### Data section
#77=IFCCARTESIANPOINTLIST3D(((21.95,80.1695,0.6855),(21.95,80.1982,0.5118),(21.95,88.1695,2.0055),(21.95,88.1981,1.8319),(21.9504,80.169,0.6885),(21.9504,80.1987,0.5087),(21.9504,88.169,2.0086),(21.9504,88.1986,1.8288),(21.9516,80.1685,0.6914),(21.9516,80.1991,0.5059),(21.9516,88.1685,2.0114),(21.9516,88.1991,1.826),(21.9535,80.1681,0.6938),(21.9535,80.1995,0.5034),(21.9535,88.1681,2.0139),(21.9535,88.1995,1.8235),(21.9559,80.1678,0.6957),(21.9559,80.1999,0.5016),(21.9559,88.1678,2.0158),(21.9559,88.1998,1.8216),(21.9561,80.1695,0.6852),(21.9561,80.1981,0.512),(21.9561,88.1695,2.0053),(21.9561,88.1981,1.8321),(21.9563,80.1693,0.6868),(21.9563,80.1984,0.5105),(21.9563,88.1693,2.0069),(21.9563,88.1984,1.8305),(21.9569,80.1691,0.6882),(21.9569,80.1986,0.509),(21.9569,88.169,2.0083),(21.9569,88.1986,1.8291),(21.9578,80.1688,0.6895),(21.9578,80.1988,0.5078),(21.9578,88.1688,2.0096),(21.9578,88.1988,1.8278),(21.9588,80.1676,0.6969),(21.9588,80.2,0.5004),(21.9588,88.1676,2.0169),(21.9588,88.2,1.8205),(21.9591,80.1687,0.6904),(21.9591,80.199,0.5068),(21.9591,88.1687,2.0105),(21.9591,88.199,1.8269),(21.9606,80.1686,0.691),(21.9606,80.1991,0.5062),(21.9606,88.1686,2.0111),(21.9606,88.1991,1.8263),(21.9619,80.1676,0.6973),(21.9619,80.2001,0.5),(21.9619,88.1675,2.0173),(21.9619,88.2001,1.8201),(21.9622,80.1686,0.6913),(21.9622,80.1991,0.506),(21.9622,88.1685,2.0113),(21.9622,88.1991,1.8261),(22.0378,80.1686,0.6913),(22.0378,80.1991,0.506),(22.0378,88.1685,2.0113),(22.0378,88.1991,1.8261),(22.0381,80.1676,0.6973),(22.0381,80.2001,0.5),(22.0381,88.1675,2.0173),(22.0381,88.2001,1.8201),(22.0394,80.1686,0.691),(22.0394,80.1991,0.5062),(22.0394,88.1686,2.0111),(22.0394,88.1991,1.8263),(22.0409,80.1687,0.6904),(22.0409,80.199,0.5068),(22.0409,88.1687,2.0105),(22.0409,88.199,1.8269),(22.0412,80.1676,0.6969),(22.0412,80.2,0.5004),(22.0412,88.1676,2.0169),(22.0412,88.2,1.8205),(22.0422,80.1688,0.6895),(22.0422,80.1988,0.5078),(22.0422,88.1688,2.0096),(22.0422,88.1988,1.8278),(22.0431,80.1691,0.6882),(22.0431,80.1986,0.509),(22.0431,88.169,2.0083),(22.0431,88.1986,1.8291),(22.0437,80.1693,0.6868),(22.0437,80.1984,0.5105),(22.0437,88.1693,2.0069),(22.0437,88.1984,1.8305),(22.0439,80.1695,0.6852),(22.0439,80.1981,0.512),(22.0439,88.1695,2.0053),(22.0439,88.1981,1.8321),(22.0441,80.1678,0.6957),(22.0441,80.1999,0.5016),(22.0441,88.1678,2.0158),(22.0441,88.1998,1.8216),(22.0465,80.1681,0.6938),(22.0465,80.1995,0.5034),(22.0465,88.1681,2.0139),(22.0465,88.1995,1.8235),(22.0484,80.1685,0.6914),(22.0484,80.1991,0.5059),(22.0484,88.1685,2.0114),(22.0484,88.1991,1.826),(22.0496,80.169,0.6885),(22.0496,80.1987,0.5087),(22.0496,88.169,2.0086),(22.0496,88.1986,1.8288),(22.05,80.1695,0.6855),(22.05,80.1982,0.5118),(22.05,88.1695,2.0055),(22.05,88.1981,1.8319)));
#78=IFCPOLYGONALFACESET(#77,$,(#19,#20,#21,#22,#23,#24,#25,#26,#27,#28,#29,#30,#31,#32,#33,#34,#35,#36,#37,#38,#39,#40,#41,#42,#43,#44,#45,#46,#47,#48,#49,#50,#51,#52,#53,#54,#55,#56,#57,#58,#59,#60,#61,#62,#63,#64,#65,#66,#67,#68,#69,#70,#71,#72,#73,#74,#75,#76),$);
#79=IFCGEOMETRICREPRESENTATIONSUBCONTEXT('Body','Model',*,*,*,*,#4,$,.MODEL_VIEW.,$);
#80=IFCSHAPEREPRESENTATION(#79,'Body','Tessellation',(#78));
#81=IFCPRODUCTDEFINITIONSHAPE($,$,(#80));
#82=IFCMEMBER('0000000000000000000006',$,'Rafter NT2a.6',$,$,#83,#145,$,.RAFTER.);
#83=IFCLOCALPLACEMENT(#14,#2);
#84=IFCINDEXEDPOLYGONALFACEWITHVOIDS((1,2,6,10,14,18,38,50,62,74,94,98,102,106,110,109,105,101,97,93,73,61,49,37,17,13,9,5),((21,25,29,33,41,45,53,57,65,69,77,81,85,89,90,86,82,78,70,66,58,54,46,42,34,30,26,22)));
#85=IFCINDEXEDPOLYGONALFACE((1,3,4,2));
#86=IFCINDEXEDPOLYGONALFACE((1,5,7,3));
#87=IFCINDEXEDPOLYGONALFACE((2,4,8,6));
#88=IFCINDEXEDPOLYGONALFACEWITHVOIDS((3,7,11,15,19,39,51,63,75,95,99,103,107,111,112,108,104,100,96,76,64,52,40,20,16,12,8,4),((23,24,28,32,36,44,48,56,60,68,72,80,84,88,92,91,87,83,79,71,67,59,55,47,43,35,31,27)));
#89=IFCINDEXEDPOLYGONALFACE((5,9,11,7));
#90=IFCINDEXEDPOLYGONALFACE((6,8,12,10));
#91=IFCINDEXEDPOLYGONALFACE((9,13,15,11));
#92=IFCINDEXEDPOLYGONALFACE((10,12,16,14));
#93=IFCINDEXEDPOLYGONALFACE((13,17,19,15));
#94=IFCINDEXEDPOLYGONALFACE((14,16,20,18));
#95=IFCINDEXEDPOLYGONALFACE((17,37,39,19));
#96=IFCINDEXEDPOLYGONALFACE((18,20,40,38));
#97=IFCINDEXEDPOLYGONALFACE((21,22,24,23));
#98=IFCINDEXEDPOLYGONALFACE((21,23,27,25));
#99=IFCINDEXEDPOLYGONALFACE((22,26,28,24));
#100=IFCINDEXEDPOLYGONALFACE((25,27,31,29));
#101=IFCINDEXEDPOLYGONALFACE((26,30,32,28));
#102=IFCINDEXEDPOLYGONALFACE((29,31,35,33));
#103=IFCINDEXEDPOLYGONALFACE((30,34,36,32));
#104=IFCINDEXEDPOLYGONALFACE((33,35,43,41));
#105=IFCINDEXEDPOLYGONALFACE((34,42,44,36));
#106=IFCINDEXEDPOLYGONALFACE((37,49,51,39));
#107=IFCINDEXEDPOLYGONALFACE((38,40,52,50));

### Brief
State the number of lines in these entries where the word "Body" occurs, without any other words.

### Your response
2